(Available data Opens)

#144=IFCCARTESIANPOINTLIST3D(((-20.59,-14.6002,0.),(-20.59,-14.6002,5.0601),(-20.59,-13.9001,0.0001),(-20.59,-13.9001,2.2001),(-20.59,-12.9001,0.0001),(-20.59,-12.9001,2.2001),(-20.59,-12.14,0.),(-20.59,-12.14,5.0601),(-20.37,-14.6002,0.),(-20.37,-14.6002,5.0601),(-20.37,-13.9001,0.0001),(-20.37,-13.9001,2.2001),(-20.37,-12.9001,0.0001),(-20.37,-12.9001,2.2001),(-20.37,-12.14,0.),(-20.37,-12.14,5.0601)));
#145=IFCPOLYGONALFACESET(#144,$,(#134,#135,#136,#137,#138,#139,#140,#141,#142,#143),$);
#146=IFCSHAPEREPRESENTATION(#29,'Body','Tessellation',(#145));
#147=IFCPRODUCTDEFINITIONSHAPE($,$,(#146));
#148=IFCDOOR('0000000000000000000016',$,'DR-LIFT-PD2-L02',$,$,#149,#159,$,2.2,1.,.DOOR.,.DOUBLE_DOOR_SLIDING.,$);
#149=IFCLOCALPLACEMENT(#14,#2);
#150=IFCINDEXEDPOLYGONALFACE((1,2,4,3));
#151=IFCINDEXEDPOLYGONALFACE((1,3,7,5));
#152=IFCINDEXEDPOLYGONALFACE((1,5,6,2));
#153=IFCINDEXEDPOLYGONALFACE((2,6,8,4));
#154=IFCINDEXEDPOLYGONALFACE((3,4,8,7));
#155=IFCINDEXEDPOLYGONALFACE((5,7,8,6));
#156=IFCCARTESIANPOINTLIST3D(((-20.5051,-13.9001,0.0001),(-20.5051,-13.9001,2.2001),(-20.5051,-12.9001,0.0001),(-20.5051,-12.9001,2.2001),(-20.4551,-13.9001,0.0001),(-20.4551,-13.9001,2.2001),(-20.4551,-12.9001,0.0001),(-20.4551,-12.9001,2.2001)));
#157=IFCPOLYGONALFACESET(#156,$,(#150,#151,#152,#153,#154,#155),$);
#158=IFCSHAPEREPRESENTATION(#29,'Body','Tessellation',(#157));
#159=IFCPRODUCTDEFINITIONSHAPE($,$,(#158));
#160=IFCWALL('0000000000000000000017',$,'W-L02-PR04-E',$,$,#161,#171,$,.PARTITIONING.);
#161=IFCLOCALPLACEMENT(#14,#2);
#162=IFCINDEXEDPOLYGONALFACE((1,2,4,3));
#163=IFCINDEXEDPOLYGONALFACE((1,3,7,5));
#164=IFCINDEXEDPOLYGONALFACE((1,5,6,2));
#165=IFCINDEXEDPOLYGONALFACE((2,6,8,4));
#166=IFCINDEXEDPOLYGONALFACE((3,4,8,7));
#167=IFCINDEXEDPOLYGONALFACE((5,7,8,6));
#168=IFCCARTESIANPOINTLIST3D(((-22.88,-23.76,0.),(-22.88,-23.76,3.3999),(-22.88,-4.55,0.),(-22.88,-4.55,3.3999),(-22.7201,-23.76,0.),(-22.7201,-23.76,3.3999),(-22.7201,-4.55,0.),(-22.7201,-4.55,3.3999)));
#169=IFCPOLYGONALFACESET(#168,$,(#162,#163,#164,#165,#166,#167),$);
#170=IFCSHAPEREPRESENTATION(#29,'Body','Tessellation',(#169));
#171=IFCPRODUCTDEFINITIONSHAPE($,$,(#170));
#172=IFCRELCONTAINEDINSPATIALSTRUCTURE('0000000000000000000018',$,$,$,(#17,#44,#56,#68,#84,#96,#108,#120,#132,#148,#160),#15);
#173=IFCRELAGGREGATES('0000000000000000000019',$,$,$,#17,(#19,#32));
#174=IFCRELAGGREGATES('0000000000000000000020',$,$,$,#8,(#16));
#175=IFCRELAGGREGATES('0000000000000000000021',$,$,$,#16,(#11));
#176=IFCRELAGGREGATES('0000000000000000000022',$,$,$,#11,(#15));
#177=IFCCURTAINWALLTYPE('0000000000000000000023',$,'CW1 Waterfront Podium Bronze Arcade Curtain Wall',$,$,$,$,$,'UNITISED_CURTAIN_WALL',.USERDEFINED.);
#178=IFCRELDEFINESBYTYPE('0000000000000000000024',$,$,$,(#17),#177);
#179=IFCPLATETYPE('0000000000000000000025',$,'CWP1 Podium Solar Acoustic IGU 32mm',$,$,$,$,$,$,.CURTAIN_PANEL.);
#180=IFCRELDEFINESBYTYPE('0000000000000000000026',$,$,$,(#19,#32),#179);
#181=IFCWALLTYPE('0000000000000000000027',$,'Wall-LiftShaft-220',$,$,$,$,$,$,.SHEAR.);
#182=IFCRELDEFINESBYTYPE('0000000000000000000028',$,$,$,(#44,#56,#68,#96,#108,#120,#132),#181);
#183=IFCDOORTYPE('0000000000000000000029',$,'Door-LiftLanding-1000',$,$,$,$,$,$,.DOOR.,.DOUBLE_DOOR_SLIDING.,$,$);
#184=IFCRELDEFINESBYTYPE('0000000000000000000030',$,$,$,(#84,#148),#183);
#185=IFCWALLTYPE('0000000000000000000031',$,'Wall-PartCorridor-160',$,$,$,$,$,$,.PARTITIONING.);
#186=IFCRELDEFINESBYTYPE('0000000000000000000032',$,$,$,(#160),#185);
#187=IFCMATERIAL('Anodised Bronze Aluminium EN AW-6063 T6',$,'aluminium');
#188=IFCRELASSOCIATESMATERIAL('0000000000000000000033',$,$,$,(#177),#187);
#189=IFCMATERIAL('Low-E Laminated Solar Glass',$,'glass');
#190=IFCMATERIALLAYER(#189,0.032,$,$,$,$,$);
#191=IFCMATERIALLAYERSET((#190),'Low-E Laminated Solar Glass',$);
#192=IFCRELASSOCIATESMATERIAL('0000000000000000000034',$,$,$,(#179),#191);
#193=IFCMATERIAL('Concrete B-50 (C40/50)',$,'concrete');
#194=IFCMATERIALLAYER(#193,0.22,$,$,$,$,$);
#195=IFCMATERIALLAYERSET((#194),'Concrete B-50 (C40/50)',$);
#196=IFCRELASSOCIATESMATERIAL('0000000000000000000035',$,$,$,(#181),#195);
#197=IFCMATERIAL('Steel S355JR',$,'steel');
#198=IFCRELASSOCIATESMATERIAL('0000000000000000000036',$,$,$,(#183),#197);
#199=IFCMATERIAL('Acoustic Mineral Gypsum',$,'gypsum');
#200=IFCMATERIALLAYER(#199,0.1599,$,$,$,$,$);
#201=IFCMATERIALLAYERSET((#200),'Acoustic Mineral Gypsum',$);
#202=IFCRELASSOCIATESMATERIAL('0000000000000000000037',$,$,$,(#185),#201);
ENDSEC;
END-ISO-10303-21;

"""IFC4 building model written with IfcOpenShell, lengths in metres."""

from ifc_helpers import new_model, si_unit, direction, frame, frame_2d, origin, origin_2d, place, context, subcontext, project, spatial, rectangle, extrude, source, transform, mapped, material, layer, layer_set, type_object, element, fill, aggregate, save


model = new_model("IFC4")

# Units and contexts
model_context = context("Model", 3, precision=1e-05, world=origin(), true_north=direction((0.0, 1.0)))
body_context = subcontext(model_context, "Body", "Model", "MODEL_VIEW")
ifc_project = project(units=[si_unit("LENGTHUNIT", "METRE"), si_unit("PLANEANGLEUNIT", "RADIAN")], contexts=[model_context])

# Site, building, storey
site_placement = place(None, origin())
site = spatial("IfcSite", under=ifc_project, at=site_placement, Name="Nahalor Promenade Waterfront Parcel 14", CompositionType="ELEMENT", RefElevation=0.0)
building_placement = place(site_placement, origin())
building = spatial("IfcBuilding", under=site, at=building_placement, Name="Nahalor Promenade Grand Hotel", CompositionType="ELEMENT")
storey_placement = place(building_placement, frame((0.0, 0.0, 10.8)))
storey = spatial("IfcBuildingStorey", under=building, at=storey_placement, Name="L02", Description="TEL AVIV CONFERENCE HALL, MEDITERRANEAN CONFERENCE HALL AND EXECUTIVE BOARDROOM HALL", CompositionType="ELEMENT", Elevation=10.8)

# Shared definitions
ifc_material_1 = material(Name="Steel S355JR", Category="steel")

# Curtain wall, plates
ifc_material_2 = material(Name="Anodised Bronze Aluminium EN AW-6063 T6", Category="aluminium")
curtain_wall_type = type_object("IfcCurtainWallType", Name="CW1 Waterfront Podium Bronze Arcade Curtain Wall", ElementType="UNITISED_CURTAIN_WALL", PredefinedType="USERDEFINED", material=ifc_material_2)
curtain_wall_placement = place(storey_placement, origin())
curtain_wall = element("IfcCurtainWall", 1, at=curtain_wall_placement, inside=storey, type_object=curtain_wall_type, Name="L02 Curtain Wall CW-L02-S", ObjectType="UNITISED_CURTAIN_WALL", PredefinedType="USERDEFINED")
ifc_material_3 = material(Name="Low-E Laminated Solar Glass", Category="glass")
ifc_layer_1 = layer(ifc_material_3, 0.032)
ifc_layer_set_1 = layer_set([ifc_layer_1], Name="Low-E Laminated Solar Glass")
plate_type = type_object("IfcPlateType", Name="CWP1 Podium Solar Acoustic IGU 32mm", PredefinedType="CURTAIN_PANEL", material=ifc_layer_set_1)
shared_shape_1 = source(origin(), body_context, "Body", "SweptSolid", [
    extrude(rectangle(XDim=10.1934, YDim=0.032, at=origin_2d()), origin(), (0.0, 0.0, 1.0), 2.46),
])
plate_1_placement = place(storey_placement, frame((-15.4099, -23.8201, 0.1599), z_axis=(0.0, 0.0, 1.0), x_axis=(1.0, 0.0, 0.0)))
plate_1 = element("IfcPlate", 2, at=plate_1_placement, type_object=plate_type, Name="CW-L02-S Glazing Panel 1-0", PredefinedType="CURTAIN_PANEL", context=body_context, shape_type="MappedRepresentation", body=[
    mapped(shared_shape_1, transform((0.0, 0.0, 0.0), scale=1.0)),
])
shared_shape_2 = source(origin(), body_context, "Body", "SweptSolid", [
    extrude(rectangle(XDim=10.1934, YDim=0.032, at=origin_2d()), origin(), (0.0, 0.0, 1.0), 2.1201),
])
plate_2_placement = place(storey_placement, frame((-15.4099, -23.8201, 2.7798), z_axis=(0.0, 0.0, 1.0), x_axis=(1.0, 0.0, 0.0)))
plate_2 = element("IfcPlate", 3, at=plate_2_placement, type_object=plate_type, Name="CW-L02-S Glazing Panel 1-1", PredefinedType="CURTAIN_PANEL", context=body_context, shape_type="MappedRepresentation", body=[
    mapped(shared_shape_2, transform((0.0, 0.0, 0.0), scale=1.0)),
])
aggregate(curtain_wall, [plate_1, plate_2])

(Available data Closes)
(Available data Opens)

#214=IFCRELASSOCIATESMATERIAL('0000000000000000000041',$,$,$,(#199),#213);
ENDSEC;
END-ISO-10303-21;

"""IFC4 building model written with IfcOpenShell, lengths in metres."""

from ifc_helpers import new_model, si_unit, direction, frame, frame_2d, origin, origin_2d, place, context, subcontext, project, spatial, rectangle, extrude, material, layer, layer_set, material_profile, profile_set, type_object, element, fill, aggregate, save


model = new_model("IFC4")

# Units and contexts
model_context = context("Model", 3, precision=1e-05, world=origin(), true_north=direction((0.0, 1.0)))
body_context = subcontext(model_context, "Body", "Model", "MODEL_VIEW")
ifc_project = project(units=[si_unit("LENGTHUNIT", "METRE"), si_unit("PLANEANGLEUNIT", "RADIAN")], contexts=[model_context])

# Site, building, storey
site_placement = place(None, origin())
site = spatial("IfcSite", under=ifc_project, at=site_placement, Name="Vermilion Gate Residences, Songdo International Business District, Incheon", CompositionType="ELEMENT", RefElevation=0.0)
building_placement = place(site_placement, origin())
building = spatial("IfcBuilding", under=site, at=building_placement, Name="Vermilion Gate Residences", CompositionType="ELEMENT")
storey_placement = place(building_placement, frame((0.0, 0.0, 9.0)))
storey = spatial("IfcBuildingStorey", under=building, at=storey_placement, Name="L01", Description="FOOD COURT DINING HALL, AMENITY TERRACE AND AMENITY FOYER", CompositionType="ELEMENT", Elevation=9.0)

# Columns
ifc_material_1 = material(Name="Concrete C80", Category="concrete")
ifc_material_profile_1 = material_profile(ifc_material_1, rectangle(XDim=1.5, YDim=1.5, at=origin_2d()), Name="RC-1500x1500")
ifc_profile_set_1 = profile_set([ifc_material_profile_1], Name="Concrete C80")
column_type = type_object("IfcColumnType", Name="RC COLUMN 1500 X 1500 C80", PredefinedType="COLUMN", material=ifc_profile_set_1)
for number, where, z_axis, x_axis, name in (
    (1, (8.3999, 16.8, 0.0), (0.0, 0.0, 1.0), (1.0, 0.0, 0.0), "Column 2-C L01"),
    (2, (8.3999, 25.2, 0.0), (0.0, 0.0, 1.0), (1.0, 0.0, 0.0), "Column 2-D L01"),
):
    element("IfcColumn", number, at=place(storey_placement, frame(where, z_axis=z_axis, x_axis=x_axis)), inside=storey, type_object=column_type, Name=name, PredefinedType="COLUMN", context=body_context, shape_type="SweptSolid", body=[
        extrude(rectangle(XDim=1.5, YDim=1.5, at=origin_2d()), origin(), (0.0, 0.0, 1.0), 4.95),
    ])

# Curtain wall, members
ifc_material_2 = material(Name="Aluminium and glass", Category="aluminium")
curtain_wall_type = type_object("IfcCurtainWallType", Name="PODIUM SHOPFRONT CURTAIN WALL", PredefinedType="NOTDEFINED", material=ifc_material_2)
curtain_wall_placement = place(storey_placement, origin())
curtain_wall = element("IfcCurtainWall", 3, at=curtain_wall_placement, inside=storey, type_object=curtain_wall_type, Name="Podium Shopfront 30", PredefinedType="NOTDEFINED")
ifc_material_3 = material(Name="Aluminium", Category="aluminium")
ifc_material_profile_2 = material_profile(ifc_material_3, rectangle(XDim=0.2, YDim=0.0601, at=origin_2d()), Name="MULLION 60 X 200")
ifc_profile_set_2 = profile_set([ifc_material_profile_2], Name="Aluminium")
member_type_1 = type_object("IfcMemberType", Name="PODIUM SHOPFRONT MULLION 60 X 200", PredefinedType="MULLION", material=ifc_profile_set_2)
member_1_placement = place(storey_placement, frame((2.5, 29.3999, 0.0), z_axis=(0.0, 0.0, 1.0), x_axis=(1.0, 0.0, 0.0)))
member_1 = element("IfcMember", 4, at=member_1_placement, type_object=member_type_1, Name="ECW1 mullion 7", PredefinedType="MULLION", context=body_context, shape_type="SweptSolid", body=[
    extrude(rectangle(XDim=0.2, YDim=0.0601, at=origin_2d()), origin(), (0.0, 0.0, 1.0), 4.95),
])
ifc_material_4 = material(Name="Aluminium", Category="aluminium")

(Available data Closes)

## Task prompt:
In the entries above, find each line containing the string "IFCPOLYGONALFACESET" and copy it.

## Exercise output:
#145=IFCPOLYGONALFACESET(#144,$,(#134,#135,#136,#137,#138,#139,#140,#141,#142,#143),$);
#157=IFCPOLYGONALFACESET(#156,$,(#150,#151,#152,#153,#154,#155),$);
#169=IFCPOLYGONALFACESET(#168,$,(#162,#163,#164,#165,#166,#167),$);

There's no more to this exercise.